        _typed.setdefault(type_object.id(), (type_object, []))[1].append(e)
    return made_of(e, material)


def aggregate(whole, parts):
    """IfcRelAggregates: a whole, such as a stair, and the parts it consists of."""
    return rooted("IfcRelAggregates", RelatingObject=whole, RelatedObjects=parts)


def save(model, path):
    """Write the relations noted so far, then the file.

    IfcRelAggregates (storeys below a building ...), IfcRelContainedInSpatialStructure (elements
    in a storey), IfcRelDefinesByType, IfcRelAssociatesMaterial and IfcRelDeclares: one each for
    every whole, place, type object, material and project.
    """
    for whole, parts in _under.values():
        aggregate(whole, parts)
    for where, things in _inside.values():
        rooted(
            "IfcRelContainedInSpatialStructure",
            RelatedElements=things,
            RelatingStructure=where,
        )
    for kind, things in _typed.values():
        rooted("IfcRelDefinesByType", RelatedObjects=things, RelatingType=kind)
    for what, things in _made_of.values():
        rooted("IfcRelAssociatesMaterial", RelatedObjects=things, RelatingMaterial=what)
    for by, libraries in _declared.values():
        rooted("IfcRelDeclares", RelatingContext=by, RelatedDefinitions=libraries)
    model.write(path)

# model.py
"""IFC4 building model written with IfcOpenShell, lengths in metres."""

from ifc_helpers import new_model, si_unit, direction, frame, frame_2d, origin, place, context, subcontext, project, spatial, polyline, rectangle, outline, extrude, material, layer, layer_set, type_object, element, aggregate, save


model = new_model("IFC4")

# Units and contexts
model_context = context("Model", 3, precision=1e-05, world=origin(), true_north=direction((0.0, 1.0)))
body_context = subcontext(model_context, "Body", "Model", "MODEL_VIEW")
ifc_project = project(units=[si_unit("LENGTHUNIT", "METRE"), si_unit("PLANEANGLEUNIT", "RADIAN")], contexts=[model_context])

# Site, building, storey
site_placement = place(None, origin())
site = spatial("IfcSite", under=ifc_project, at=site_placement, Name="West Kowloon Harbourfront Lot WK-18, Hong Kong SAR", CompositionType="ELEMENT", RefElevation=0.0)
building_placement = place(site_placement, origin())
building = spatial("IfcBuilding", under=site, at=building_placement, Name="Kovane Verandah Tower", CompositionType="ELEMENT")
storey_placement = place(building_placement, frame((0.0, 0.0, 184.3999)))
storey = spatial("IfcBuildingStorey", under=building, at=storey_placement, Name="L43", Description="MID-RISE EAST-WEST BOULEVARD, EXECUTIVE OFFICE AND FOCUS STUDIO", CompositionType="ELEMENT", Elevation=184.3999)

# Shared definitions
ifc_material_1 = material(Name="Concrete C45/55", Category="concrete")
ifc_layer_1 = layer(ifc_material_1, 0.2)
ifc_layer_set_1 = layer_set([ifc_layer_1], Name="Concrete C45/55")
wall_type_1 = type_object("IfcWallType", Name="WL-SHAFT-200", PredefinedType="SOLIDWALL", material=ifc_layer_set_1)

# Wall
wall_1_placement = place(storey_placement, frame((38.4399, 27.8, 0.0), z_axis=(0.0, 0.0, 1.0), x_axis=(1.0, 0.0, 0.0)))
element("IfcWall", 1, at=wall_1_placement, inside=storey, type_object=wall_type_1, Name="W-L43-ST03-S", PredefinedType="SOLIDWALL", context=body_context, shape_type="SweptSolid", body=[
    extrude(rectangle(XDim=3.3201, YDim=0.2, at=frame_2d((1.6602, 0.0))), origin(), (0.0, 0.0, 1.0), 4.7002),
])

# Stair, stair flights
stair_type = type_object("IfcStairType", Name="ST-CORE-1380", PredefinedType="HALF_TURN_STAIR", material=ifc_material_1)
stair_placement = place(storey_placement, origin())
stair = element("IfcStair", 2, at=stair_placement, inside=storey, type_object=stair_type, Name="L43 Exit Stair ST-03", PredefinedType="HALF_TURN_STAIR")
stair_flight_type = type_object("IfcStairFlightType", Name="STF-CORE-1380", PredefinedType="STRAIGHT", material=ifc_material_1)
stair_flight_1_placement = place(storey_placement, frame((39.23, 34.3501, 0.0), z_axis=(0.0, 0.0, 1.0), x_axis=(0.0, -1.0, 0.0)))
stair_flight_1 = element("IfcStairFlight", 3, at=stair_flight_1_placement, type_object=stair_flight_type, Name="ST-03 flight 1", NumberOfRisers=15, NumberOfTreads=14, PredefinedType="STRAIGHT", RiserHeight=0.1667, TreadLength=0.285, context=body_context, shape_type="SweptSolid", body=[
★ ★ ★
Your task: Reply with every line of the listing that has the string "parts".

Worked solution:
def aggregate(whole, parts):
    """IfcRelAggregates: a whole, such as a stair, and the parts it consists of."""
    return rooted("IfcRelAggregates", RelatingObject=whole, RelatedObjects=parts)
    for whole, parts in _under.values():
        aggregate(whole, parts)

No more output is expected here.